● **RECORDED INFORMATION**
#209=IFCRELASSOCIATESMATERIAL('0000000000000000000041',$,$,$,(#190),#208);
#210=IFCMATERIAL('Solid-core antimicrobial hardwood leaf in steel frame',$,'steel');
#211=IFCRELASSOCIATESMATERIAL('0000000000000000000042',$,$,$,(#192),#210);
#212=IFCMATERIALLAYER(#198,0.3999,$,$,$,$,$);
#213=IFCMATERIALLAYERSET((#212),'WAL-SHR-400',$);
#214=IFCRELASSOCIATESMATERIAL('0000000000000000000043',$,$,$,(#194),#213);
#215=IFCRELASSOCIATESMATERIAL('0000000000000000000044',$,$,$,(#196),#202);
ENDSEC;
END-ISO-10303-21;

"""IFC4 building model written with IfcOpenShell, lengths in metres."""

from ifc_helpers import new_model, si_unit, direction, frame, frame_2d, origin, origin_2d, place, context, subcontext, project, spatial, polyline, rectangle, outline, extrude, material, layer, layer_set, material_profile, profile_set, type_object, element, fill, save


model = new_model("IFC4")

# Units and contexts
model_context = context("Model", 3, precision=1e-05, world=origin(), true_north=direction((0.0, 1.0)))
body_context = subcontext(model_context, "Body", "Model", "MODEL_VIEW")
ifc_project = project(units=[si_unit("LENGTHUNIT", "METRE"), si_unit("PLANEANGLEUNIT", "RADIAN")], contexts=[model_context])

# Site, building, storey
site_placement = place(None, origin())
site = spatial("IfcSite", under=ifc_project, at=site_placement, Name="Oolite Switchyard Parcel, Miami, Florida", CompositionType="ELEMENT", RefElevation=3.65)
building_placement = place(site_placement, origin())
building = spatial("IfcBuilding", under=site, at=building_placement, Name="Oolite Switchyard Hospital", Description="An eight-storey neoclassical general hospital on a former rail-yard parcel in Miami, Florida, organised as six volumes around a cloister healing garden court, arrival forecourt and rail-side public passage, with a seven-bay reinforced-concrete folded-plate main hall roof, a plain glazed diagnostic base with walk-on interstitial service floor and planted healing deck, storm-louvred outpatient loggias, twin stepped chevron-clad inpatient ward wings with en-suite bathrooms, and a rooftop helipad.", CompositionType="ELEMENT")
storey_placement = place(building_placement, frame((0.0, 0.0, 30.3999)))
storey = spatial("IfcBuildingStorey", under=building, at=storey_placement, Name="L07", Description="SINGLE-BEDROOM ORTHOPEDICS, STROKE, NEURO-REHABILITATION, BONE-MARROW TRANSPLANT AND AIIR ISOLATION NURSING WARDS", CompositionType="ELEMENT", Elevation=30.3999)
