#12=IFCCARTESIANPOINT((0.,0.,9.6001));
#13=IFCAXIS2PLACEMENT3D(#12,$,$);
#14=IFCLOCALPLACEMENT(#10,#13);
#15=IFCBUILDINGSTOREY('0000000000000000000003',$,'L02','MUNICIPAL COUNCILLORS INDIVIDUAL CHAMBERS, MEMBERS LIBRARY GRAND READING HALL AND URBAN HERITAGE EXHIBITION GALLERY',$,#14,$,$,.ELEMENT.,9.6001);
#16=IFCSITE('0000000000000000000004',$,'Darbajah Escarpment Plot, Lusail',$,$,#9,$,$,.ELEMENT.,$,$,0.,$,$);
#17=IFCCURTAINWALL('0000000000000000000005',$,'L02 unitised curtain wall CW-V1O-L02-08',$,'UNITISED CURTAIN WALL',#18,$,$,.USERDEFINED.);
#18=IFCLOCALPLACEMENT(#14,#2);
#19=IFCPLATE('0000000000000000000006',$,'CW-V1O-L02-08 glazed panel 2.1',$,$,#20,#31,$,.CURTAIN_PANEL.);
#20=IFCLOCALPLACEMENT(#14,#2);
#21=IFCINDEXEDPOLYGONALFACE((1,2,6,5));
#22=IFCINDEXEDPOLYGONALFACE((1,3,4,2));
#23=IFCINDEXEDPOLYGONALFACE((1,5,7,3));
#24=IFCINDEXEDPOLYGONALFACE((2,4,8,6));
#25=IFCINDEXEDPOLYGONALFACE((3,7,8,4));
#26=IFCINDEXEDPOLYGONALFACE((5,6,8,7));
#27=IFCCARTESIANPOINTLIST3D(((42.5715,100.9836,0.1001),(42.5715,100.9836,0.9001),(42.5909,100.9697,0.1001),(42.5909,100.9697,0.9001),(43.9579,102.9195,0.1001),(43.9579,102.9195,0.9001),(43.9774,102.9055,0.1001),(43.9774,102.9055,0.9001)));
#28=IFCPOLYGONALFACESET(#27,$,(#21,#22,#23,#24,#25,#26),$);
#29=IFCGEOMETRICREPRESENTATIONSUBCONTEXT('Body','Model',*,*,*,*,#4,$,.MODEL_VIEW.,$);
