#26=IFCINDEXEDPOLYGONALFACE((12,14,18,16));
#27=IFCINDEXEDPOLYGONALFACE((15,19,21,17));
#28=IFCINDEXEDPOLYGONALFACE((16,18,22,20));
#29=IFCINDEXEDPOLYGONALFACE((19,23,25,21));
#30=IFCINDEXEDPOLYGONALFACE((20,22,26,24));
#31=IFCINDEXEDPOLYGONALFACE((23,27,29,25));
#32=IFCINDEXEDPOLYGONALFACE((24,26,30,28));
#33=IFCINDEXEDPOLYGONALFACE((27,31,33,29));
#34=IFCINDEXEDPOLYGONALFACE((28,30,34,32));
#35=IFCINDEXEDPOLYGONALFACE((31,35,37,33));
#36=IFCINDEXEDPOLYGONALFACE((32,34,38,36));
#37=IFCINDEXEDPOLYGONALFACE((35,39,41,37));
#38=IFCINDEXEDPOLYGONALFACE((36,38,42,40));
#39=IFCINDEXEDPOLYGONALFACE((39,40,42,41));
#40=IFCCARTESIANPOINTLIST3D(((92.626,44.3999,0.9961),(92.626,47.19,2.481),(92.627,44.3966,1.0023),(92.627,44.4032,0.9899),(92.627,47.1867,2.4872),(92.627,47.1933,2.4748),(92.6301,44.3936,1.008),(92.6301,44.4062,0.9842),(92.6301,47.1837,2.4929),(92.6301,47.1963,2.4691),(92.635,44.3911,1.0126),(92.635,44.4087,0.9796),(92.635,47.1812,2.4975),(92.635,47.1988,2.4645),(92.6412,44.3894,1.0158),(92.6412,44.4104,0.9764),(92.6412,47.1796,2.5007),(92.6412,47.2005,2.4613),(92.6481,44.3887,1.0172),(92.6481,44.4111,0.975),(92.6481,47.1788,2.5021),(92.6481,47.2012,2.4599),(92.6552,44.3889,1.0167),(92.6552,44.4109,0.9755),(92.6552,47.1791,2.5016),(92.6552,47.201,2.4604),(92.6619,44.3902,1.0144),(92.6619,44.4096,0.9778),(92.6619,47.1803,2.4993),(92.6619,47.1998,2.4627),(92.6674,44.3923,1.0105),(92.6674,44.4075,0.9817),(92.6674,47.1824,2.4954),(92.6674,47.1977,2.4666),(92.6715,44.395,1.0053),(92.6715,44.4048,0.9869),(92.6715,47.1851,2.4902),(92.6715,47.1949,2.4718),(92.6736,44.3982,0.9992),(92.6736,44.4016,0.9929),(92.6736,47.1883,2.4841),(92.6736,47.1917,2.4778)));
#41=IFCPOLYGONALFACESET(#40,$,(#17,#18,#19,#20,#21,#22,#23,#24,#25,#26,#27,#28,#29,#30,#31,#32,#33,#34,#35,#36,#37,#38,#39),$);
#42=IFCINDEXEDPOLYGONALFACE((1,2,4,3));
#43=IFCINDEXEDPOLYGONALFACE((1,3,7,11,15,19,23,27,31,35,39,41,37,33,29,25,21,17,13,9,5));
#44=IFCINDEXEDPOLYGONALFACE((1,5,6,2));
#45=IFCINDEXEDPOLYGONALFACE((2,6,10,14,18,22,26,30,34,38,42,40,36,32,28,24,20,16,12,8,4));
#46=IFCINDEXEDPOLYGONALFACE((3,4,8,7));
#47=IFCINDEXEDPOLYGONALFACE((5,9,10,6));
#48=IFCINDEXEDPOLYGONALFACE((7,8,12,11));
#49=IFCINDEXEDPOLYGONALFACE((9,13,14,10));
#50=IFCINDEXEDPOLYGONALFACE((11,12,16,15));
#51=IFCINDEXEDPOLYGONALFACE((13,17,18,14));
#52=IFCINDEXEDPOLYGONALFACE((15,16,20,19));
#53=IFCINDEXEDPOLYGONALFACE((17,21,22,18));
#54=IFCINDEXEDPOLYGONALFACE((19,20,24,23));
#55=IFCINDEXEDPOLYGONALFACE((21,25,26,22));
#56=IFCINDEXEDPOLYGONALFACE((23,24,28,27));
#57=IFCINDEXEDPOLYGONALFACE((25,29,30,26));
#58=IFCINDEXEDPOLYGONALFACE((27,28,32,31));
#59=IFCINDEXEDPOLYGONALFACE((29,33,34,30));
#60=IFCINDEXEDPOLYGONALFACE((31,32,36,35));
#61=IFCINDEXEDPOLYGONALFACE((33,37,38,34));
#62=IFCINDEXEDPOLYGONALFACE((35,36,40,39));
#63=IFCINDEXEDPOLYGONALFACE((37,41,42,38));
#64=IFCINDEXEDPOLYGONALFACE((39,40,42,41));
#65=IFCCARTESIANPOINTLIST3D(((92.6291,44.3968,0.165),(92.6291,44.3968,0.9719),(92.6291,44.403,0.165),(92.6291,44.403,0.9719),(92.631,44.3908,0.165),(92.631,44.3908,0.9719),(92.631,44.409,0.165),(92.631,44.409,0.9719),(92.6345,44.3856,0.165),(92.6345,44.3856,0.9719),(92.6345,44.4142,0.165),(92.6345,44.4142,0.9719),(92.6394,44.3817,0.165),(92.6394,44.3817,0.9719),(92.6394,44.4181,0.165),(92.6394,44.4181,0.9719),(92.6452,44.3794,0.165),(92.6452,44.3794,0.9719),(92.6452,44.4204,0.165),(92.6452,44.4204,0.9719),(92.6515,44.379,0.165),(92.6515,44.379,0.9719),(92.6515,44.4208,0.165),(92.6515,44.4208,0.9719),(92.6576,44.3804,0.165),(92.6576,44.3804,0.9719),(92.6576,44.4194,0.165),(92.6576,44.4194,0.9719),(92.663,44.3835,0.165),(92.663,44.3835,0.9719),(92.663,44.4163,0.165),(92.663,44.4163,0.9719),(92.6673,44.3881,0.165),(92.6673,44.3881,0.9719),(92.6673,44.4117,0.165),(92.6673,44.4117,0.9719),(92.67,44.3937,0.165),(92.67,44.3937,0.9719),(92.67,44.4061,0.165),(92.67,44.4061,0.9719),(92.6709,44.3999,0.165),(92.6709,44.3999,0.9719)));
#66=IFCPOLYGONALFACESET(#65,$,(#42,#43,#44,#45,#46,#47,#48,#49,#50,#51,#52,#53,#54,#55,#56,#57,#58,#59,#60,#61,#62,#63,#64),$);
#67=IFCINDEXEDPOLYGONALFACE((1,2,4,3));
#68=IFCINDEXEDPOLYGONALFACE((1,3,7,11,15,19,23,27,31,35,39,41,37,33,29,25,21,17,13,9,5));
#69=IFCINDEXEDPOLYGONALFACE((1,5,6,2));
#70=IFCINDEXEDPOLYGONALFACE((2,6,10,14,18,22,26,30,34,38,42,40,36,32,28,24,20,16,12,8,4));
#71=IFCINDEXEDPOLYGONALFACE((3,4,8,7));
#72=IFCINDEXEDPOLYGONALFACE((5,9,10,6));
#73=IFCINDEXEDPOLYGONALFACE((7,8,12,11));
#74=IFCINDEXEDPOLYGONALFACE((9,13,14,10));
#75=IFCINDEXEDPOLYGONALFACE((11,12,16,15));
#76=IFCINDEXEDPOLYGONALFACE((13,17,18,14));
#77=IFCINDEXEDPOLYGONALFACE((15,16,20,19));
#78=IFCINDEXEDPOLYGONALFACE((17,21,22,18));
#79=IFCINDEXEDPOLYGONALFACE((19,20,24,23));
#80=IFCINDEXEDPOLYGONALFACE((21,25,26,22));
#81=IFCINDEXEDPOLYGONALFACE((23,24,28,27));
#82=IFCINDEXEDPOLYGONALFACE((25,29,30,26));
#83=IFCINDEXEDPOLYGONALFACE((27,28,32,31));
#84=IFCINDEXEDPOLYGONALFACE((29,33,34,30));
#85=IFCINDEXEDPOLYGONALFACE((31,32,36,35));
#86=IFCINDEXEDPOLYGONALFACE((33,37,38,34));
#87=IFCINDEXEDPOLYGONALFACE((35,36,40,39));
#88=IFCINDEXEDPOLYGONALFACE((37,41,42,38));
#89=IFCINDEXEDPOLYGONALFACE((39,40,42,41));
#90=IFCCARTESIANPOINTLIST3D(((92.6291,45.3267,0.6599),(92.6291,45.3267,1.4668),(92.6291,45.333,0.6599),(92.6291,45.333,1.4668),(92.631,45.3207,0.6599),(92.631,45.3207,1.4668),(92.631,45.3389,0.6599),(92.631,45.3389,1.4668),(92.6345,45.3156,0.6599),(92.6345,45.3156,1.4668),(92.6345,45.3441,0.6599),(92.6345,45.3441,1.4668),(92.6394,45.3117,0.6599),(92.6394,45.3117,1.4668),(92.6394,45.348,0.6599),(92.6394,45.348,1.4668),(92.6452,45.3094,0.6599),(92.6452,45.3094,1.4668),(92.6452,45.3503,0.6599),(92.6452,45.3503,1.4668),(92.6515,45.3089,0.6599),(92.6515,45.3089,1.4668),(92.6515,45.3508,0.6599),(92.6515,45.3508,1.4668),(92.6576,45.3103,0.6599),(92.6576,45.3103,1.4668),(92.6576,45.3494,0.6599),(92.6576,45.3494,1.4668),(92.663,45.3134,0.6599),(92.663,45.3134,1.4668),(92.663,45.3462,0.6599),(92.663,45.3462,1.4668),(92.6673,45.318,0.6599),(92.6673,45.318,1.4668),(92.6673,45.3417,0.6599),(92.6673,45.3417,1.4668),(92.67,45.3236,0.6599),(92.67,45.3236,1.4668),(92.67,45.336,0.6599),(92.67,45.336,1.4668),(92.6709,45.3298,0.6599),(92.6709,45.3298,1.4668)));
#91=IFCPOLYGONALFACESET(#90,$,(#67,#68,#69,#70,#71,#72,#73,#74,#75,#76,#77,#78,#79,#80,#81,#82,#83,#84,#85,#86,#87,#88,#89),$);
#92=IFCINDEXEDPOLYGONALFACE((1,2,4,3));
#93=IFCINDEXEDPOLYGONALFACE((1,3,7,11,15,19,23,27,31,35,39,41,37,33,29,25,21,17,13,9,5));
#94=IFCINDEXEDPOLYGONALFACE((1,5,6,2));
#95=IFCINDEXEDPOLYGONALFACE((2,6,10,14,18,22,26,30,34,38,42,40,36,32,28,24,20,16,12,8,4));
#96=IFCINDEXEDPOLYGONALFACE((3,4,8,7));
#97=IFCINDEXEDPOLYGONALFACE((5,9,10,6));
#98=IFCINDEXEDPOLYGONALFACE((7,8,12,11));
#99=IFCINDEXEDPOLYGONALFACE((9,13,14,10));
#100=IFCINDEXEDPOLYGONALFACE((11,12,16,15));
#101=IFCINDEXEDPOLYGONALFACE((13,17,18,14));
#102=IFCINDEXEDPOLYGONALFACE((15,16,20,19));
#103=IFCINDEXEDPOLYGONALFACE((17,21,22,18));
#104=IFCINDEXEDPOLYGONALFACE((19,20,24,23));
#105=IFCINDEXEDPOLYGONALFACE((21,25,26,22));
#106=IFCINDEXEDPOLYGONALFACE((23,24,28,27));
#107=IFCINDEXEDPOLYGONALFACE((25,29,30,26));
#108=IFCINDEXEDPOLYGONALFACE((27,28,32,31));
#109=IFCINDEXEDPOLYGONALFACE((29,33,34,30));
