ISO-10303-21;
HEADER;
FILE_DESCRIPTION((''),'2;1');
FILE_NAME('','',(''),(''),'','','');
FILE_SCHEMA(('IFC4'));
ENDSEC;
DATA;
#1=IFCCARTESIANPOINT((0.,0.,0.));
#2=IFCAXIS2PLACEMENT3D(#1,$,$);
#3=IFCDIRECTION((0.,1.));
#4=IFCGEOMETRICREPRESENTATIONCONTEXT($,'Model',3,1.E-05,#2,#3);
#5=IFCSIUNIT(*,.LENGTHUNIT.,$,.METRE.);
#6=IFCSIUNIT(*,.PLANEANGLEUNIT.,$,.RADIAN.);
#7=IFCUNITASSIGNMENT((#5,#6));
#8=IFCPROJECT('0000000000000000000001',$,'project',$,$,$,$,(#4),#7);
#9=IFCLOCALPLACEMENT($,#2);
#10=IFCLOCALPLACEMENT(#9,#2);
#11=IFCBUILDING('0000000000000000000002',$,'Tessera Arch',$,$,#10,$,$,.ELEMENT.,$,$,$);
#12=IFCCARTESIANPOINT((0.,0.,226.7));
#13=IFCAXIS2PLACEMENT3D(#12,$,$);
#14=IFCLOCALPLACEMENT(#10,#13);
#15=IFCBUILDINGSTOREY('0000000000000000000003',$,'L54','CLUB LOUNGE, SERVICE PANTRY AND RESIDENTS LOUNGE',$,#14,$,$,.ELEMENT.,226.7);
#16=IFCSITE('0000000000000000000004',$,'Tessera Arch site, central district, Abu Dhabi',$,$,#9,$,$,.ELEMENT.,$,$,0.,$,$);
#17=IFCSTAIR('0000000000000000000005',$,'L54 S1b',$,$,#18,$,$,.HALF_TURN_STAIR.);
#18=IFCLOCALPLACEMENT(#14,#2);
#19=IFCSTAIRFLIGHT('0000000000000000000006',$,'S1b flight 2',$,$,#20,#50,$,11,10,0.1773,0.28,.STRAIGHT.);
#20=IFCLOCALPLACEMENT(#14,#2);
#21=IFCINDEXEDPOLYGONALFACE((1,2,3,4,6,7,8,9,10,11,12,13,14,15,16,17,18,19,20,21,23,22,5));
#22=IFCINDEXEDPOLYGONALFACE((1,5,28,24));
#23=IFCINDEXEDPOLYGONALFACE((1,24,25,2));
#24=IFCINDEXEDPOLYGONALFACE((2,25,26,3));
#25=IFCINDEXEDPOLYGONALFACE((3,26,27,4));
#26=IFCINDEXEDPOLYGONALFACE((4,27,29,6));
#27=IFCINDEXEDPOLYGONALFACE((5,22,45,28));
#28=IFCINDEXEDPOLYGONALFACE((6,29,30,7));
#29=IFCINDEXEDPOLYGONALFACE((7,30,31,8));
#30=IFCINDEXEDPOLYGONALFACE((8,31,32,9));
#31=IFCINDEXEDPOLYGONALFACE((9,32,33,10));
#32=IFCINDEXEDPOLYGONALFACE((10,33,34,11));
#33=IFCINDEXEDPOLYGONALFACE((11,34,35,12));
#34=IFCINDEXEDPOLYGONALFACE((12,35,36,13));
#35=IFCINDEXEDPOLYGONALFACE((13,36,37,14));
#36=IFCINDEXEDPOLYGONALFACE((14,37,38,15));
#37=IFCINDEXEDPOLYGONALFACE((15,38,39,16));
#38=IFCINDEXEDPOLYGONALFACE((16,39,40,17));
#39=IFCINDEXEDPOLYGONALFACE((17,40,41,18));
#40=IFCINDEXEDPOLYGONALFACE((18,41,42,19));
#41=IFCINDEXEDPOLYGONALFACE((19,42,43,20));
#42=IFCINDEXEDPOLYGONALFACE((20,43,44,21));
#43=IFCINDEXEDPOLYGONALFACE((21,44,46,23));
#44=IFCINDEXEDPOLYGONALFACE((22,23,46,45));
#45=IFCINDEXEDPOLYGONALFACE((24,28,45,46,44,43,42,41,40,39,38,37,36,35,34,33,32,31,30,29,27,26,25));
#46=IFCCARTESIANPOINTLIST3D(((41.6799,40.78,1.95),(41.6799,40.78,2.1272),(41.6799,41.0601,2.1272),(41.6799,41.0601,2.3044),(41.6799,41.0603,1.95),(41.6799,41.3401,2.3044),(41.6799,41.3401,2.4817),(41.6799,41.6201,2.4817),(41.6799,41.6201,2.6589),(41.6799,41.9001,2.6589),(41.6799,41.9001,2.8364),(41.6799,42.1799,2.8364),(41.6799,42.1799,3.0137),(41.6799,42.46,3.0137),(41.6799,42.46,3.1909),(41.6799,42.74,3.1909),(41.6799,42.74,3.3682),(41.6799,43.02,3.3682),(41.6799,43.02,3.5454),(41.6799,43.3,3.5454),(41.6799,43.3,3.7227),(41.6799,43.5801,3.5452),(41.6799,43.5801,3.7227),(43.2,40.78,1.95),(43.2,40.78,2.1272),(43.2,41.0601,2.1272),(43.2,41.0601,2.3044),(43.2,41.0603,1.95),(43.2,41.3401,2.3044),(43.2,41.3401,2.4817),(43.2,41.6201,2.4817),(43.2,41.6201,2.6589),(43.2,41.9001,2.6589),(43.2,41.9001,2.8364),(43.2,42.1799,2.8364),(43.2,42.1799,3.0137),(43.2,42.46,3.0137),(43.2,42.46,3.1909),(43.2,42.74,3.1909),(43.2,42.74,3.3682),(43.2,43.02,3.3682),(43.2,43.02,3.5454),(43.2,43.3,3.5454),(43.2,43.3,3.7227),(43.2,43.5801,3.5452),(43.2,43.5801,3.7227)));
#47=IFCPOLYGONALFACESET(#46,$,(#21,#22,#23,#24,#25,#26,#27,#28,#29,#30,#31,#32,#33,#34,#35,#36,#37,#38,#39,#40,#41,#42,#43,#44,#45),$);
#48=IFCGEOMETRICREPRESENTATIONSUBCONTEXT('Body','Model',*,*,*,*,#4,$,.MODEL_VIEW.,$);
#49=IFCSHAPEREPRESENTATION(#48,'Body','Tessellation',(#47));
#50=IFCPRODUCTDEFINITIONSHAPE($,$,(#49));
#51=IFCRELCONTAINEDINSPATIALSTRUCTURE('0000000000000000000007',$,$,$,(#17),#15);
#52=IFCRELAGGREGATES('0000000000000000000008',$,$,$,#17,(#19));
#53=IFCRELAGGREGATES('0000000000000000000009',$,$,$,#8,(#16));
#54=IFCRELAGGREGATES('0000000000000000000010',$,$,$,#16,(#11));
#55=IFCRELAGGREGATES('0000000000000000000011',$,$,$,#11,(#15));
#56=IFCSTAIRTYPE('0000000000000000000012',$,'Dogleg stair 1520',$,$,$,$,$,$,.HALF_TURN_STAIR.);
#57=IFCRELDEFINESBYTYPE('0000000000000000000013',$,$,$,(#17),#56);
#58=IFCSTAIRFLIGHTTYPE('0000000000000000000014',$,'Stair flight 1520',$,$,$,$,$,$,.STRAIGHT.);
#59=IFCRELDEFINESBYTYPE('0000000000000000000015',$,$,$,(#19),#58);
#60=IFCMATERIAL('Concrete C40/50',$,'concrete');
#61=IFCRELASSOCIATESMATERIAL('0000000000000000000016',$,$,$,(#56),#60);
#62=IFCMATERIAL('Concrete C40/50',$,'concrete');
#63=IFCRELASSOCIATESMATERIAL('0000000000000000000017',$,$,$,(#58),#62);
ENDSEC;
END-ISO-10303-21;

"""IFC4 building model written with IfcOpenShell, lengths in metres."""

from ifc_helpers import new_model, si_unit, direction, frame, origin, place, context, subcontext, project, spatial, polyline, outline, extrude, material, type_object, element, aggregate, save


model = new_model("IFC4")

# Units and contexts
model_context = context("Model", 3, precision=1e-05, world=origin(), true_north=direction((0.0, 1.0)))
body_context = subcontext(model_context, "Body", "Model", "MODEL_VIEW")
ifc_project = project(units=[si_unit("LENGTHUNIT", "METRE"), si_unit("PLANEANGLEUNIT", "RADIAN")], contexts=[model_context])

# Site, building, storey
site_placement = place(None, origin())
site = spatial("IfcSite", under=ifc_project, at=site_placement, Name="Tessera Arch site, central district, Abu Dhabi", CompositionType="ELEMENT", RefElevation=0.0)
building_placement = place(site_placement, origin())
building = spatial("IfcBuilding", under=site, at=building_placement, Name="Tessera Arch", CompositionType="ELEMENT")
storey_placement = place(building_placement, frame((0.0, 0.0, 226.7)))
storey = spatial("IfcBuildingStorey", under=building, at=storey_placement, Name="L54", Description="CLUB LOUNGE, SERVICE PANTRY AND RESIDENTS LOUNGE", CompositionType="ELEMENT", Elevation=226.7)

# Stair, stair flight
ifc_material_1 = material(Name="Concrete C40/50", Category="concrete")
stair_type = type_object("IfcStairType", Name="Dogleg stair 1520", PredefinedType="HALF_TURN_STAIR", material=ifc_material_1)
ifc_material_2 = material(Name="Concrete C40/50", Category="concrete")
stair_flight_type = type_object("IfcStairFlightType", Name="Stair flight 1520", PredefinedType="STRAIGHT", material=ifc_material_2)
stair_1_placement = place(storey_placement, origin())
stair_1 = element("IfcStair", 1, at=stair_1_placement, inside=storey, type_object=stair_type, Name="L54 S1b", PredefinedType="HALF_TURN_STAIR")
stair_flight_1_placement = place(storey_placement, frame((42.4399, 40.78, 1.95), z_axis=(0.0, 0.0, 1.0), x_axis=(0.0, 1.0, 0.0)))
stair_flight_1 = element("IfcStairFlight", 2, at=stair_flight_1_placement, type_object=stair_flight_type, Name="S1b flight 2", NumberOfRisers=11, NumberOfTreads=10, PredefinedType="STRAIGHT", RiserHeight=0.1773, TreadLength=0.28, context=body_context, shape_type="SweptSolid", body=[
    extrude(outline(polyline([(0.0, 0.0), (0.0, 0.1772), (0.28, 0.1772), (0.28, 0.3545), (0.5601, 0.3545), (0.5601, 0.5317), (0.8401, 0.5317), (0.8401, 0.709), (1.1201, 0.709), (1.1201, 0.8865), (1.3999, 0.8865), (1.3999, 1.0637), (1.6799, 1.0637), (1.6799, 1.241), (1.96, 1.241), (1.96, 1.4182), (2.24, 1.4182), (2.24, 1.5955), (2.52, 1.5955), (2.52, 1.7727), (2.8, 1.7727), (2.8, 1.95), (2.8, 1.5952), (0.2803, 0.0), (0.0, 0.0)])), frame((0.0, 0.76, 0.0), z_axis=(0.0, -1.0, 0.0), x_axis=(1.0, 0.0, 0.0)), (0.0, 0.0, 1.0), 1.52),
])
aggregate(stair_1, [stair_flight_1])

save(model, "model.ifc")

● **WORK ORDER**
What are the lines, exactly as written above, from the line with "#72=IFCINDEXEDPOLYGONALFACE((5,9,10,6));" to the line with "#78=IFCINDEXEDPOLYGONALFACE((17,21,22,18));", both included? Output only those.

● **COMPLETED EXERCISE**
#72=IFCINDEXEDPOLYGONALFACE((5,9,10,6));
#73=IFCINDEXEDPOLYGONALFACE((7,8,12,11));
#74=IFCINDEXEDPOLYGONALFACE((9,13,14,10));
#75=IFCINDEXEDPOLYGONALFACE((11,12,16,15));
#76=IFCINDEXEDPOLYGONALFACE((13,17,18,14));
#77=IFCINDEXEDPOLYGONALFACE((15,16,20,19));
#78=IFCINDEXEDPOLYGONALFACE((17,21,22,18));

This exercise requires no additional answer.